Show every line in the records below that contains the word "Body".

→ **Saved data entries**:

┄┄┄┄┄┄

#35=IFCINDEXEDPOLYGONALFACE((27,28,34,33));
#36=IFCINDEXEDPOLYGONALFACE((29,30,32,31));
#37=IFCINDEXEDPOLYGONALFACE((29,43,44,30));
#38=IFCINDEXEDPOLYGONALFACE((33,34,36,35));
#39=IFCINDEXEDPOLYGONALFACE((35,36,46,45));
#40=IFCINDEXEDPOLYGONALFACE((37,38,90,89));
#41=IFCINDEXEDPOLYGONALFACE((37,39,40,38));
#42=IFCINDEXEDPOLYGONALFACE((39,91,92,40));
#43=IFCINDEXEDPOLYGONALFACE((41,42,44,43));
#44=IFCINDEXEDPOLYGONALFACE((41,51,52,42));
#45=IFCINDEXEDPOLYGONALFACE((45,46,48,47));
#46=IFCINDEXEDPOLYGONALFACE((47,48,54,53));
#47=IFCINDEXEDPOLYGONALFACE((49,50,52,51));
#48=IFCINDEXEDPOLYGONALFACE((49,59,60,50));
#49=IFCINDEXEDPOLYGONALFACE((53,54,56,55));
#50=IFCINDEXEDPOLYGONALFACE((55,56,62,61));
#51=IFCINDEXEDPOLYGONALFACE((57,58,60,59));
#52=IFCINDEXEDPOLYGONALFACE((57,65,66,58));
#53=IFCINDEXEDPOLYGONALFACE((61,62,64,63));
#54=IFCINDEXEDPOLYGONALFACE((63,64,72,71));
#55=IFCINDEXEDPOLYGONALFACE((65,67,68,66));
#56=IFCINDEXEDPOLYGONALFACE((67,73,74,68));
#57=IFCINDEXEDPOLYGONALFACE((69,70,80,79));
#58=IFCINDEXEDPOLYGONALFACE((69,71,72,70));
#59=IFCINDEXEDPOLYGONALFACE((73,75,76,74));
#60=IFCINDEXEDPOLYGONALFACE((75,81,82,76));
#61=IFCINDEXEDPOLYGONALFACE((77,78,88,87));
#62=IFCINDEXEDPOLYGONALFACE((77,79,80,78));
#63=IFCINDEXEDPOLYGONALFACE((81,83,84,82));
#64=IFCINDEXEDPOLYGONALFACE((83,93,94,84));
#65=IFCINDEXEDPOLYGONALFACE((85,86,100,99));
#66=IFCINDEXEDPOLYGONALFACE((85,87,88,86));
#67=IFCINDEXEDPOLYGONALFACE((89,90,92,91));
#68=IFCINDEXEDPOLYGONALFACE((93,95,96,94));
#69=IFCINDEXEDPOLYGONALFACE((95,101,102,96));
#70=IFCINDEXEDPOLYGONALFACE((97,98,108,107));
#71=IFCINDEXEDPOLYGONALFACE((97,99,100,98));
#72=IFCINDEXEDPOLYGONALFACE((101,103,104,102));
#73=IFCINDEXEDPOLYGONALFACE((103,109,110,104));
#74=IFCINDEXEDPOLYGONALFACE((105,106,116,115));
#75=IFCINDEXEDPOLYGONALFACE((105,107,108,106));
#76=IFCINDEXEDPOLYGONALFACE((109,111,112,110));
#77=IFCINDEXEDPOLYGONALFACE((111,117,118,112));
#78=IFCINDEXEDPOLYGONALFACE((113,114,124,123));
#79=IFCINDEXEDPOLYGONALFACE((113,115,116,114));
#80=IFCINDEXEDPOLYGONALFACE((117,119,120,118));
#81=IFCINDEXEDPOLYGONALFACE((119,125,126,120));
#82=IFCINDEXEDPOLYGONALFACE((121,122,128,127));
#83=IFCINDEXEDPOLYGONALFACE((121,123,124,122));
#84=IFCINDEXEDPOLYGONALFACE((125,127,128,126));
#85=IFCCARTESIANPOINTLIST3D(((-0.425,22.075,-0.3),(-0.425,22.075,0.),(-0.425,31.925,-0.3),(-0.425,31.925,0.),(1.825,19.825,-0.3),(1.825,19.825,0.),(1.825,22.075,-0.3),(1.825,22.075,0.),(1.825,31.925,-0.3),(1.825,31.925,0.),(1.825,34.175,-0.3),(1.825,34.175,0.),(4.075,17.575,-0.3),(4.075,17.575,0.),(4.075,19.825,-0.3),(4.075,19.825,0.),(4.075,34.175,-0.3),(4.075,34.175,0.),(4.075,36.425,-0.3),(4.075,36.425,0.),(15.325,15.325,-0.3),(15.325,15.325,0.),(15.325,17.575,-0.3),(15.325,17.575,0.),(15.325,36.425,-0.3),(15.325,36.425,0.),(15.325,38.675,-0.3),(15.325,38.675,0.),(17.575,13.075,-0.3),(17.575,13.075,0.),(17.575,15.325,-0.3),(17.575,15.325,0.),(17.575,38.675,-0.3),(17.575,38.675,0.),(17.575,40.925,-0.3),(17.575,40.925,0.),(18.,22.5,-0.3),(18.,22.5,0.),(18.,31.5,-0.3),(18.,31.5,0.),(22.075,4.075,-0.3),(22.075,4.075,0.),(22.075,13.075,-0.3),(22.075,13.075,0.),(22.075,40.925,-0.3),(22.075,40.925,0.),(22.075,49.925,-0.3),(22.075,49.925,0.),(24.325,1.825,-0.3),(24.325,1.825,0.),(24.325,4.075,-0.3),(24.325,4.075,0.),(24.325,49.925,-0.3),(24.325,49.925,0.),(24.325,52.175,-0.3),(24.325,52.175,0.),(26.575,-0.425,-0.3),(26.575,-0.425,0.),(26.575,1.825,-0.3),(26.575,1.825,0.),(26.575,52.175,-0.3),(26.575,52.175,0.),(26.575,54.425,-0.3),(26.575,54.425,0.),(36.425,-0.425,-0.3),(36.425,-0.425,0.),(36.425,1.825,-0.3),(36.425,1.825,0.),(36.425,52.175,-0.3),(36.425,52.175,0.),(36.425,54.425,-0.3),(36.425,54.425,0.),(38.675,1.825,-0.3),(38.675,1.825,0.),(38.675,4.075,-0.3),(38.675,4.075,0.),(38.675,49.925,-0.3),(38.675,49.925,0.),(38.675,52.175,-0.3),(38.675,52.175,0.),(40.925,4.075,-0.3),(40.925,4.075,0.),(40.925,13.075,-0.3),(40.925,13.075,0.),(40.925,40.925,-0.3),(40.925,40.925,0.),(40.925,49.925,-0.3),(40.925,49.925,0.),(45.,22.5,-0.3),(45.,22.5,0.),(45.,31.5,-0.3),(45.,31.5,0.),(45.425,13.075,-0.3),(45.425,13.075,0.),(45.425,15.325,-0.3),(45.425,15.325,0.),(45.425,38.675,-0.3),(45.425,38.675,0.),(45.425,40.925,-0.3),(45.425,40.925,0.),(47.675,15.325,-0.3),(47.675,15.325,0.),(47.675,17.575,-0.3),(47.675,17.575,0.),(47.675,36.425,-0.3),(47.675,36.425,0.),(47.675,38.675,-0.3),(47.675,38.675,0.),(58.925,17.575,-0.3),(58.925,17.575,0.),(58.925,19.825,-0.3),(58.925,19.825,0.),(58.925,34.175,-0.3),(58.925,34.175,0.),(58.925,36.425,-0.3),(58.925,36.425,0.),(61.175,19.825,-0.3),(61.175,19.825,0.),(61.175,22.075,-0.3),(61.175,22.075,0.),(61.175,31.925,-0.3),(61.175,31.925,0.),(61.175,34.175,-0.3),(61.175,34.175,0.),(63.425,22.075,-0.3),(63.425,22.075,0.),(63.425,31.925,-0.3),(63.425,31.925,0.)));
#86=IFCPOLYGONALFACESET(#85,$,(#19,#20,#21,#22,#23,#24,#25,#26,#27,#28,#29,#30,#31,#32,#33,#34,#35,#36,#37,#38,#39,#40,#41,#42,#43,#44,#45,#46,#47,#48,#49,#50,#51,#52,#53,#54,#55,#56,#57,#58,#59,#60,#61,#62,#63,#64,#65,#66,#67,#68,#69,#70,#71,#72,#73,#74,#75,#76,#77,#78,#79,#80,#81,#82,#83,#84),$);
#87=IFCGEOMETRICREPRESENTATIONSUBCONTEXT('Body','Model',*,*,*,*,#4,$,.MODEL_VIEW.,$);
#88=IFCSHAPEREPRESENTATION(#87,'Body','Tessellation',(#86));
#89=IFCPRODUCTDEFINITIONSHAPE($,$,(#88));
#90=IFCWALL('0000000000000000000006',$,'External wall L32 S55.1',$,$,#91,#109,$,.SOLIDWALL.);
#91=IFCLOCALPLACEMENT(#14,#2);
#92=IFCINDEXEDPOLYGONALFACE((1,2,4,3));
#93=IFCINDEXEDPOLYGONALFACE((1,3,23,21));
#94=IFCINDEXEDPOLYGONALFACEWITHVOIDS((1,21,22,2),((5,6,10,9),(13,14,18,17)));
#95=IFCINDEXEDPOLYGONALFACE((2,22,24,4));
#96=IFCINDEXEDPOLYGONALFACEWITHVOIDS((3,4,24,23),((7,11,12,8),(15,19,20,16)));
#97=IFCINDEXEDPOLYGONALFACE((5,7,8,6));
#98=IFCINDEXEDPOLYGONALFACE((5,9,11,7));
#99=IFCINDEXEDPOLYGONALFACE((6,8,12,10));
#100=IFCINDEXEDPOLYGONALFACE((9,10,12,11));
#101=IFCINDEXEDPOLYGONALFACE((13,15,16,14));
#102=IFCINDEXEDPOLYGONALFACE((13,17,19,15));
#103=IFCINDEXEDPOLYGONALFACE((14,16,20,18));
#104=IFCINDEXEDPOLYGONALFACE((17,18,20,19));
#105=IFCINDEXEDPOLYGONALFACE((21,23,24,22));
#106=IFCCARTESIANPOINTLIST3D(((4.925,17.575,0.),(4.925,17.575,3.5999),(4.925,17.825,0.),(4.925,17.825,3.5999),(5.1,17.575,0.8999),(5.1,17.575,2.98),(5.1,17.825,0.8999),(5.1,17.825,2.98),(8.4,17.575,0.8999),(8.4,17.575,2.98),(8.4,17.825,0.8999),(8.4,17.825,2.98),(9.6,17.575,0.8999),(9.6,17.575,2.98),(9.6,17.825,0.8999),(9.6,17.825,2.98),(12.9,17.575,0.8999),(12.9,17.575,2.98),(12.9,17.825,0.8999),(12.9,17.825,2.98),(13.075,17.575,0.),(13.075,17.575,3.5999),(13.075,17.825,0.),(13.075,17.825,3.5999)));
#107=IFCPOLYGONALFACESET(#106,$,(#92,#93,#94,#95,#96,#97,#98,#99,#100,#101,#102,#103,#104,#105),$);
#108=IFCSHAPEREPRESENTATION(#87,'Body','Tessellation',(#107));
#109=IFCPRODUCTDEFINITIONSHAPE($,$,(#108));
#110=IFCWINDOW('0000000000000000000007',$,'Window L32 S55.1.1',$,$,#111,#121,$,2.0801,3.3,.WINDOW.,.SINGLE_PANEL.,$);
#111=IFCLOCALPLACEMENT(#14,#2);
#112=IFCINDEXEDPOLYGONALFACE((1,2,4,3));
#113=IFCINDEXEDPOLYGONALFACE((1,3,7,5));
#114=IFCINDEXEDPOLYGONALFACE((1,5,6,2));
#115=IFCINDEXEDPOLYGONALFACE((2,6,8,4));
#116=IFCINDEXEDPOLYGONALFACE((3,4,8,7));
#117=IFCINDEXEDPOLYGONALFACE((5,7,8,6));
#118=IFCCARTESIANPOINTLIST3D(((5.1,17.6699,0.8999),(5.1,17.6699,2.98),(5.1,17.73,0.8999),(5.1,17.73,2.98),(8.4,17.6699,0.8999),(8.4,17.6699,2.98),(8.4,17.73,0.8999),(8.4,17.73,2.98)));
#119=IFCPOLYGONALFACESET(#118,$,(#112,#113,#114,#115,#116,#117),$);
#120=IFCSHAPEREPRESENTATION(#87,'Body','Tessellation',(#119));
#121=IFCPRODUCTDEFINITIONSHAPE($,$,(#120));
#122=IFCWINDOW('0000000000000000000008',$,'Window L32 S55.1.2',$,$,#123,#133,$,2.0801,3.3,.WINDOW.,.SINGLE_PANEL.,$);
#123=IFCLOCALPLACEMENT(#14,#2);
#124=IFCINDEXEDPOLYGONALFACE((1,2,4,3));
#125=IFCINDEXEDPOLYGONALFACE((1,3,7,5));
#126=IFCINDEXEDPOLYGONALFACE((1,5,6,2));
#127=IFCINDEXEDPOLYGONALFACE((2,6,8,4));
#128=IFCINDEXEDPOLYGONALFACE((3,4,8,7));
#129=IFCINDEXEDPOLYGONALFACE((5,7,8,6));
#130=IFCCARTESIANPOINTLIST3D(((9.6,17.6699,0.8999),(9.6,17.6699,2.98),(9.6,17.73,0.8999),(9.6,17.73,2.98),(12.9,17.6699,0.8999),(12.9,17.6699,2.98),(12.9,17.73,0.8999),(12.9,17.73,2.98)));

┄┄┄┄┄┄

→ **Solution to this exercise**:
#87=IFCGEOMETRICREPRESENTATIONSUBCONTEXT('Body','Model',*,*,*,*,#4,$,.MODEL_VIEW.,$);
#88=IFCSHAPEREPRESENTATION(#87,'Body','Tessellation',(#86));
#108=IFCSHAPEREPRESENTATION(#87,'Body','Tessellation',(#107));
#120=IFCSHAPEREPRESENTATION(#87,'Body','Tessellation',(#119));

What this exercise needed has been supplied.